GIVEN DATA:
# # # # #
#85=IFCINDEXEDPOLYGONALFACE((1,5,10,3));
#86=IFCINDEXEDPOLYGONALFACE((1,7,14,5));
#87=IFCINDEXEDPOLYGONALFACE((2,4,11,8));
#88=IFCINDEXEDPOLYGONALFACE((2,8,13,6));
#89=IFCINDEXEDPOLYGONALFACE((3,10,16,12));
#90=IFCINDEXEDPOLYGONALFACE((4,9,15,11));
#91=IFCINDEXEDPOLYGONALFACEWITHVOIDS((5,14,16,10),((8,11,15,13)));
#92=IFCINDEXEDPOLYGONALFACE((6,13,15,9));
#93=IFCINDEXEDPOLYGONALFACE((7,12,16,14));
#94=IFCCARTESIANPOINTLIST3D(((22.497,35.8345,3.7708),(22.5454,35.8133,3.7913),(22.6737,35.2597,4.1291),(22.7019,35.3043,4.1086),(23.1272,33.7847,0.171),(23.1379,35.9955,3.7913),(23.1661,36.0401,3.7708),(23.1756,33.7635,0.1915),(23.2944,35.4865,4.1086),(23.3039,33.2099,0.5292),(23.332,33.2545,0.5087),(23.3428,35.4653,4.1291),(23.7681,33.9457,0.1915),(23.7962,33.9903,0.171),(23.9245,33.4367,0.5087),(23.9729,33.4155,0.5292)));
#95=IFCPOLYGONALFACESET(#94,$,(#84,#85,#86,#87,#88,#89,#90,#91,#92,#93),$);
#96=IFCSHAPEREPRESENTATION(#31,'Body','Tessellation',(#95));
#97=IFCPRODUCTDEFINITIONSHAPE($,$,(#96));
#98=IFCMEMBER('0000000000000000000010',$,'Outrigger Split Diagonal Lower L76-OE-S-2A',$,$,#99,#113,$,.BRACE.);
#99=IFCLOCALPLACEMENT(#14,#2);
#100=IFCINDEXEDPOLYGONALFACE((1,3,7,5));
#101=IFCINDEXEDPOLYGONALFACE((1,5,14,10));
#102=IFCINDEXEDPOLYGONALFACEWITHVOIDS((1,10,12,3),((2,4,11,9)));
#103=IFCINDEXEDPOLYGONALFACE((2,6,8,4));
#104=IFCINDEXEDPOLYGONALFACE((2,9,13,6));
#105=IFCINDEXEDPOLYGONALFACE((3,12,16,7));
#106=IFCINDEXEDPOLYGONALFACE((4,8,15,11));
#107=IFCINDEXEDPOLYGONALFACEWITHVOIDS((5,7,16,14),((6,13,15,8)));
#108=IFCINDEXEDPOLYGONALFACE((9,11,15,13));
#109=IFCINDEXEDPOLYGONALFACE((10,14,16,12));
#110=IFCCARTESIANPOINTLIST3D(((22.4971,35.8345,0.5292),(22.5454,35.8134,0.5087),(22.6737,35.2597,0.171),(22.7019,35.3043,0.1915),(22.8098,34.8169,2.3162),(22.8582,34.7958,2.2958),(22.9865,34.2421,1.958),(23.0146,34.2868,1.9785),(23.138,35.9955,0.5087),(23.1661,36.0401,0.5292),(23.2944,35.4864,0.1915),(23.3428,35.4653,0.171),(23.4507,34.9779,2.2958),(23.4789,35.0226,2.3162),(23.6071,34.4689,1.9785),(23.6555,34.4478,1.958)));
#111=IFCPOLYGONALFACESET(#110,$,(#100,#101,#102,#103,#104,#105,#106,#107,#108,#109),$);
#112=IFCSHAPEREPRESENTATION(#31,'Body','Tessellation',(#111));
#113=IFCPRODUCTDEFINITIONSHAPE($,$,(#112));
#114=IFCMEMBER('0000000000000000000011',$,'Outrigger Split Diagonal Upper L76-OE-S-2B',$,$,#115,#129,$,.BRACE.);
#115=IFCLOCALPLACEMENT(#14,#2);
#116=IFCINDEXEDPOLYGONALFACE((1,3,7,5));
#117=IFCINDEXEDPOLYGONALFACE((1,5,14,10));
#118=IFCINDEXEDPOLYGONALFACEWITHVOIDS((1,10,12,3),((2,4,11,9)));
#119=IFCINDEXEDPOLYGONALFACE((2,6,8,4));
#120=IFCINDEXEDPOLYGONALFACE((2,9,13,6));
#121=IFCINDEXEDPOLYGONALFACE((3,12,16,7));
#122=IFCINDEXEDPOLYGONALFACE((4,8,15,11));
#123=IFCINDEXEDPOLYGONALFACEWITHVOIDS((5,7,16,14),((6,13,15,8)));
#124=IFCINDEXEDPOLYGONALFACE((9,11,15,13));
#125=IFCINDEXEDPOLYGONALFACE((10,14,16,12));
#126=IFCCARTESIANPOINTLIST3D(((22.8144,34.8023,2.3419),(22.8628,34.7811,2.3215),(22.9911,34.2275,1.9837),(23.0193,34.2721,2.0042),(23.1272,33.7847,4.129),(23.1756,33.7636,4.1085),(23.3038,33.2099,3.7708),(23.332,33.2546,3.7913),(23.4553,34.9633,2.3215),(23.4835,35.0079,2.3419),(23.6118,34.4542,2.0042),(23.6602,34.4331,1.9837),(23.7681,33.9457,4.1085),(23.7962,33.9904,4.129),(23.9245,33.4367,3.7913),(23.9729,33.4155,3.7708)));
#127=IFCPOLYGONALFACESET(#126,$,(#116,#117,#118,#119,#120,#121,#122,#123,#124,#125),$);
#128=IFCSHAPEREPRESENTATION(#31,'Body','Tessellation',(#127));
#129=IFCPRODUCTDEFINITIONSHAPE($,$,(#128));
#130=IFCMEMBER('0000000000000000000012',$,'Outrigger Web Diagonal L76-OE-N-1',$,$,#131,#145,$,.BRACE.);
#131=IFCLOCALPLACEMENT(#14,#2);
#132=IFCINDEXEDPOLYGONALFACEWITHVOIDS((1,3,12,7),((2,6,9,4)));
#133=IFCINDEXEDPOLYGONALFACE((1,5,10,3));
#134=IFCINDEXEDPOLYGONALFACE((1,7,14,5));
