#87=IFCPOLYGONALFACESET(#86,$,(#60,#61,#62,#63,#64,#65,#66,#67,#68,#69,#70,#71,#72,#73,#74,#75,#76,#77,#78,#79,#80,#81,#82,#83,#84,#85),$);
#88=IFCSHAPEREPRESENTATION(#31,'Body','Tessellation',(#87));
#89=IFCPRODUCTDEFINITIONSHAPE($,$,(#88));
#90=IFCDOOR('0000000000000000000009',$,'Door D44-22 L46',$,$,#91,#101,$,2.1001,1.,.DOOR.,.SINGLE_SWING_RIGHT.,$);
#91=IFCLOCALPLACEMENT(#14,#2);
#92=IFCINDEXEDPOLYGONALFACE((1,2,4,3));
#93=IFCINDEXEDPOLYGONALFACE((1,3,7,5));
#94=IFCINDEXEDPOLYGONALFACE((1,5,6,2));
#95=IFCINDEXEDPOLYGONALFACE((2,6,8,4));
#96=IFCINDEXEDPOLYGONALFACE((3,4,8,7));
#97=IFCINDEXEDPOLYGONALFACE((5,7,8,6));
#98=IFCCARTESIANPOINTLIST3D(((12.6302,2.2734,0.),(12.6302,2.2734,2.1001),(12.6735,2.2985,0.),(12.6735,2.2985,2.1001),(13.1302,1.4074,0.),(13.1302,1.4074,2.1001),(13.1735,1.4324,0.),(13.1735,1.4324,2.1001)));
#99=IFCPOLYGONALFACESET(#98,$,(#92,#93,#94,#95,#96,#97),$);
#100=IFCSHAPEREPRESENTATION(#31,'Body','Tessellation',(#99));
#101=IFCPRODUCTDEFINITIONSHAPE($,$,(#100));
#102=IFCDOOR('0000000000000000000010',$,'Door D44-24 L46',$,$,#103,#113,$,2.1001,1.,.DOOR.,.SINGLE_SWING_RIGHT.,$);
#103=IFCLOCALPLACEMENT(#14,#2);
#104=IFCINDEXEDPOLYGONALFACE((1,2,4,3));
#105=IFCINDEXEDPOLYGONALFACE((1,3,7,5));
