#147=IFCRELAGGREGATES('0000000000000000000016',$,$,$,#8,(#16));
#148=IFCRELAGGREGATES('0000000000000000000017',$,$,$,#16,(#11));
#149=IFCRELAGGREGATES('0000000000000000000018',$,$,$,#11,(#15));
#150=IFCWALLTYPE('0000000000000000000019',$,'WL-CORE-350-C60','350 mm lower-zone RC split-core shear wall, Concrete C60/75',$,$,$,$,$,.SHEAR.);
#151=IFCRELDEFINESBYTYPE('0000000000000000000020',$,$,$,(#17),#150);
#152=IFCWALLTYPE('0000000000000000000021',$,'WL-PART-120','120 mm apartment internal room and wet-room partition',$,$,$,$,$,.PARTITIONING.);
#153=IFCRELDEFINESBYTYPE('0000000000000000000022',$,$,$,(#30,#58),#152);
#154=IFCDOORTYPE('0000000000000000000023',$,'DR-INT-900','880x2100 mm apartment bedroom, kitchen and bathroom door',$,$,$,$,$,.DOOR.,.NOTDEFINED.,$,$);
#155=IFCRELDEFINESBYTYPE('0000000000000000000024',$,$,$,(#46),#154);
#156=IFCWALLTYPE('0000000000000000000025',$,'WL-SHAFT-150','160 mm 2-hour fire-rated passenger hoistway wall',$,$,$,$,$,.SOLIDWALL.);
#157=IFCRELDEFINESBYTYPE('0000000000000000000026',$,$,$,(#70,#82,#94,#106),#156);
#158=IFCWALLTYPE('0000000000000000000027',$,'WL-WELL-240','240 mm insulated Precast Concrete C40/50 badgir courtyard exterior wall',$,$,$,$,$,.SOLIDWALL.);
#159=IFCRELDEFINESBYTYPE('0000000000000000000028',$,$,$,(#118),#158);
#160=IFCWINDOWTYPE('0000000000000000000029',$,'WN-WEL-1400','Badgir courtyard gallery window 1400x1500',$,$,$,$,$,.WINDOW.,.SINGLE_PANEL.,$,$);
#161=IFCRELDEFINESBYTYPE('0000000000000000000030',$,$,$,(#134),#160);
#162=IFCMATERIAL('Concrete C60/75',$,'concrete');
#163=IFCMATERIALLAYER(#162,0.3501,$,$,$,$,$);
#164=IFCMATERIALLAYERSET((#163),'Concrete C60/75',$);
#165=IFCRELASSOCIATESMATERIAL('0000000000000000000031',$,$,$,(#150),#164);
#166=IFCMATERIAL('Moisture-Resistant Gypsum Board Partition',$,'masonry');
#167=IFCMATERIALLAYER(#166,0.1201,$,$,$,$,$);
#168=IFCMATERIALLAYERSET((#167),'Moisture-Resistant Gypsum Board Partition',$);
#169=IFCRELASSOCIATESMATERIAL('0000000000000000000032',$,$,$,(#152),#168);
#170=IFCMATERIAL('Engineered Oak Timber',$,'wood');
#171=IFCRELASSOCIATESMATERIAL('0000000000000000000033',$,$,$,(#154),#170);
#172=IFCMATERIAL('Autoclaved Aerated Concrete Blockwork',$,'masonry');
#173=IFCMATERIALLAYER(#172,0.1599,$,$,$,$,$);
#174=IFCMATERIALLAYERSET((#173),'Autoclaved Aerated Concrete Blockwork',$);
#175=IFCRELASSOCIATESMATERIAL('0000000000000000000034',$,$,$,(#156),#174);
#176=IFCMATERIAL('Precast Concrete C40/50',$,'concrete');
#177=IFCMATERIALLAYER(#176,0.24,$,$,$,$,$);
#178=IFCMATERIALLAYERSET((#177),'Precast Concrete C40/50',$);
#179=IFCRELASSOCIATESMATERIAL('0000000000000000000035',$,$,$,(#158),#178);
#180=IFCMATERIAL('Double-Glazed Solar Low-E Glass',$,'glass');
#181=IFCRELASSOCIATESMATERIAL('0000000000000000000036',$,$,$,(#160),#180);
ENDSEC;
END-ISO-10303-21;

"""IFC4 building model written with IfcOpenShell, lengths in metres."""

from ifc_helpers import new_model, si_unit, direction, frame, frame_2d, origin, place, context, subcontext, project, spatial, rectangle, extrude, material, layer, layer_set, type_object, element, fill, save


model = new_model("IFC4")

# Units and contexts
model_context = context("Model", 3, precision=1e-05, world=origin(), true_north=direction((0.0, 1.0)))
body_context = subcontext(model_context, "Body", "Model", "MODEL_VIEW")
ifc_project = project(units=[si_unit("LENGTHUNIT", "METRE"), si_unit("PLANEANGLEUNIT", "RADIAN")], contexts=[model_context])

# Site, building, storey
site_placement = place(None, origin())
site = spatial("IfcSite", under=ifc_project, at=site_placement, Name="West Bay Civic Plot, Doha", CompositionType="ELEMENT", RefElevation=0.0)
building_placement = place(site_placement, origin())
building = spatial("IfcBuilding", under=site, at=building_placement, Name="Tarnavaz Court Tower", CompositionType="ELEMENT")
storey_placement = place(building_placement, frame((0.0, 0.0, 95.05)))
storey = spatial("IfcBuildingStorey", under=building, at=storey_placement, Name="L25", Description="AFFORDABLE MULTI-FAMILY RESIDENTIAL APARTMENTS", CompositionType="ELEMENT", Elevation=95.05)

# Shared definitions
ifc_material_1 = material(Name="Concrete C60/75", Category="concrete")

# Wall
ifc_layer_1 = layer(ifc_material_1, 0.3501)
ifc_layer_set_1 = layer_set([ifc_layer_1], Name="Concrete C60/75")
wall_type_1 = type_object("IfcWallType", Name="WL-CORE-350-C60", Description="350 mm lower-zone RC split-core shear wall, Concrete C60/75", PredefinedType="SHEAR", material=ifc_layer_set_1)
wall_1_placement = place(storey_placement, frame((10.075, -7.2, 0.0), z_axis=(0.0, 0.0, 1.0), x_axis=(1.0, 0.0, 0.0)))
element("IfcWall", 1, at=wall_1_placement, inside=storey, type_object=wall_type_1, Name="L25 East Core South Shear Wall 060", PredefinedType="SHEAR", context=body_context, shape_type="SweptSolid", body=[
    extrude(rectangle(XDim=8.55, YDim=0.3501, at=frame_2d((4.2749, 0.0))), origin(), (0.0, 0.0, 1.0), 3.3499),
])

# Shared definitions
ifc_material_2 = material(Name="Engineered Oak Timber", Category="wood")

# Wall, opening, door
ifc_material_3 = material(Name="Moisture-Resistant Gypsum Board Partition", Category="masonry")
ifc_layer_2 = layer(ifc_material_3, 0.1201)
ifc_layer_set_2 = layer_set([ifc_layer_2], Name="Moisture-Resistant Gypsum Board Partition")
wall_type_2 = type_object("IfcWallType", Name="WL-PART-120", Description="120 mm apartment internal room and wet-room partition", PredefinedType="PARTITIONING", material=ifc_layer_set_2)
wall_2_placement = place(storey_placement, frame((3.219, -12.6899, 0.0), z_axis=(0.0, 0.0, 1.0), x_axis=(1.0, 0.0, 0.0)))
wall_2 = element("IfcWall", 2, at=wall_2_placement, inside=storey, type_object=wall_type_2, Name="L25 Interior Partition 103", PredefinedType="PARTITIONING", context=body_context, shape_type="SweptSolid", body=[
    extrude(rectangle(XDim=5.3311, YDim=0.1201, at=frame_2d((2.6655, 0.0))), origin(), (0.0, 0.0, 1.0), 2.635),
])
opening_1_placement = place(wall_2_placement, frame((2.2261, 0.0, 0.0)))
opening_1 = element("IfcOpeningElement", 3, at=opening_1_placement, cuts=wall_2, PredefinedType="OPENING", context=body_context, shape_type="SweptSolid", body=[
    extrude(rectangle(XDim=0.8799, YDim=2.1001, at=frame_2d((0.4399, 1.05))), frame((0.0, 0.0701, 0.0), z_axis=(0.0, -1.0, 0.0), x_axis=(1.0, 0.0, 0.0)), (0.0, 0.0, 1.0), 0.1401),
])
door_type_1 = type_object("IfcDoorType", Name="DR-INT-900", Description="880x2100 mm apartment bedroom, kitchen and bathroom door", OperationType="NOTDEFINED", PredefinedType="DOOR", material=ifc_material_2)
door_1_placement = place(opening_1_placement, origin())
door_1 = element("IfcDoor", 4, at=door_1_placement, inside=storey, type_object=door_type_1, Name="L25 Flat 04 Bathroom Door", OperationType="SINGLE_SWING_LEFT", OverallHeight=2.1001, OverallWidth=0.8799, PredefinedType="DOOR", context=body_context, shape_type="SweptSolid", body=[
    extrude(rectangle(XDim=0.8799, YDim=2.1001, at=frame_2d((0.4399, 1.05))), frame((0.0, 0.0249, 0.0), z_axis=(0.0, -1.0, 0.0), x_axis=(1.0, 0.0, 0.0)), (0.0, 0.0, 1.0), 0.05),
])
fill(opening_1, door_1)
# # # # #
WHAT IS NEEDED: Whichever lines of the data include the word "bedroom", pull them out.

ANSWER SECTION:
#154=IFCDOORTYPE('0000000000000000000023',$,'DR-INT-900','880x2100 mm apartment bedroom, kitchen and bathroom door',$,$,$,$,$,.DOOR.,.NOTDEFINED.,$,$);
door_type_1 = type_object("IfcDoorType", Name="DR-INT-900", Description="880x2100 mm apartment bedroom, kitchen and bathroom door", OperationType="NOTDEFINED", PredefinedType="DOOR", material=ifc_material_2)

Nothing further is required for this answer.